→ **REQUIRED ACTION**: Across the records below, count every line that contains the string "IfcWallType", then report the count alone.

[RECORDS FOR THE TASK Boundary: Start]

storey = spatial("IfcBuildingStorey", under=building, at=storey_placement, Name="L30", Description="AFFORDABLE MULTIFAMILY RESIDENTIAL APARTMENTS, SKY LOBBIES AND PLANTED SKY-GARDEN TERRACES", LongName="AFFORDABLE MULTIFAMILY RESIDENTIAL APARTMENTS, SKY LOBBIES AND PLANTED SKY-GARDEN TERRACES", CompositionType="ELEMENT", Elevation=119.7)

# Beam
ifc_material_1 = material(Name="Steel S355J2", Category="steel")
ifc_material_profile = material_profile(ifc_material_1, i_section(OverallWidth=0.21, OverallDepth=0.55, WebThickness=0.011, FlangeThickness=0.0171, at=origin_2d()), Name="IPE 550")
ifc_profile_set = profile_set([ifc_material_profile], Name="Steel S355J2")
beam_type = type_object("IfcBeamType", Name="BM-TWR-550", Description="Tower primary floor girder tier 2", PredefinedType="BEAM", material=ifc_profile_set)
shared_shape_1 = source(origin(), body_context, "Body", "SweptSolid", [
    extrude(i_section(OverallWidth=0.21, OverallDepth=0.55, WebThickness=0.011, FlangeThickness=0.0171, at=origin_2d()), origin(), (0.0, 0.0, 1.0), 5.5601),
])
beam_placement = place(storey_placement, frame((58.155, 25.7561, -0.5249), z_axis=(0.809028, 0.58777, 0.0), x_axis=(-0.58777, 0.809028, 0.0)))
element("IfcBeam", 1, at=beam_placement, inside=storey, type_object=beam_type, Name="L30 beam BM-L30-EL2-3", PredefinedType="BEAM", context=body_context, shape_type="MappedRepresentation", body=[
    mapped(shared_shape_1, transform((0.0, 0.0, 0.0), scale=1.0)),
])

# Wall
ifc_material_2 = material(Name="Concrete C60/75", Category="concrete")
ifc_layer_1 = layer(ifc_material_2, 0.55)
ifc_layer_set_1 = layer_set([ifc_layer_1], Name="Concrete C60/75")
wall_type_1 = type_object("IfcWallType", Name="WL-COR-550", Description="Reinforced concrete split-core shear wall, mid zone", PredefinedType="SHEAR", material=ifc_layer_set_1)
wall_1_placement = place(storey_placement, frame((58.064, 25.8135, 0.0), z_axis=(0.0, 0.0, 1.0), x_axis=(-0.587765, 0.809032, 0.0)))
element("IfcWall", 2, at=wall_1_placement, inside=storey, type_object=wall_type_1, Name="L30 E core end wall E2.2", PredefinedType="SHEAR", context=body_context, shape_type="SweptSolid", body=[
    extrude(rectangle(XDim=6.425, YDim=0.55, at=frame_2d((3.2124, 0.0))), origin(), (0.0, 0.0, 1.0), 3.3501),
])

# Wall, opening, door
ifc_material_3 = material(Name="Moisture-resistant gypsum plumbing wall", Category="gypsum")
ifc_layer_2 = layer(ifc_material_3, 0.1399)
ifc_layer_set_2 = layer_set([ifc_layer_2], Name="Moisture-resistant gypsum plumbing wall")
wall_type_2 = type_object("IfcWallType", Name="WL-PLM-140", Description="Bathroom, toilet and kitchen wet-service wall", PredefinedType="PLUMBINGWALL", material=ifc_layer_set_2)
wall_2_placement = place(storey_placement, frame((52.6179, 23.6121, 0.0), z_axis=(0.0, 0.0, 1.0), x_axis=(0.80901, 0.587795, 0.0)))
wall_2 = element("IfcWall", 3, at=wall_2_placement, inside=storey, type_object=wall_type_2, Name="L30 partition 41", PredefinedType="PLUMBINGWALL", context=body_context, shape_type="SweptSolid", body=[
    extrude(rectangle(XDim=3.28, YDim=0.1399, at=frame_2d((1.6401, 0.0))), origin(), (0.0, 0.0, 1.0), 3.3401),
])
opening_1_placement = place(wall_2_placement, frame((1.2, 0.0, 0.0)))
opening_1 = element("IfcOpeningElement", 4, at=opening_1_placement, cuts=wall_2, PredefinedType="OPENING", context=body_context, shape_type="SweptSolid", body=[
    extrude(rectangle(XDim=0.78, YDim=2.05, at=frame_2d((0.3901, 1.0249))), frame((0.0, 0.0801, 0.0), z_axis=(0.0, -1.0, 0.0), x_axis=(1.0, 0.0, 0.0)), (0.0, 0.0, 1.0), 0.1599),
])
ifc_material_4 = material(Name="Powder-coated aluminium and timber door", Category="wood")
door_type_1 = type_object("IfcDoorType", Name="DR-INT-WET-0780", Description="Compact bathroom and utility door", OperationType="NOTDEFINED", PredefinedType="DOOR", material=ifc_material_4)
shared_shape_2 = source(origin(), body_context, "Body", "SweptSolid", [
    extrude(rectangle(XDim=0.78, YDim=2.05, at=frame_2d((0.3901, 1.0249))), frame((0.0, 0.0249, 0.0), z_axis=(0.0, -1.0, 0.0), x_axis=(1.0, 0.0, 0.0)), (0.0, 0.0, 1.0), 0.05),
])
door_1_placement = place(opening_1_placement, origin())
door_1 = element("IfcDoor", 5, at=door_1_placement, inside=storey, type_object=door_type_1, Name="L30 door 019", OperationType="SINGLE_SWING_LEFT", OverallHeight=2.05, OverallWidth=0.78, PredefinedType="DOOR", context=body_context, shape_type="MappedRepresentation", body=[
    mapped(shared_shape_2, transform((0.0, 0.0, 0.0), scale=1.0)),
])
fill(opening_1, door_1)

[RECORDS FOR THE TASK Boundary: End]

→ **SOLUTION TO THIS TASK**: 2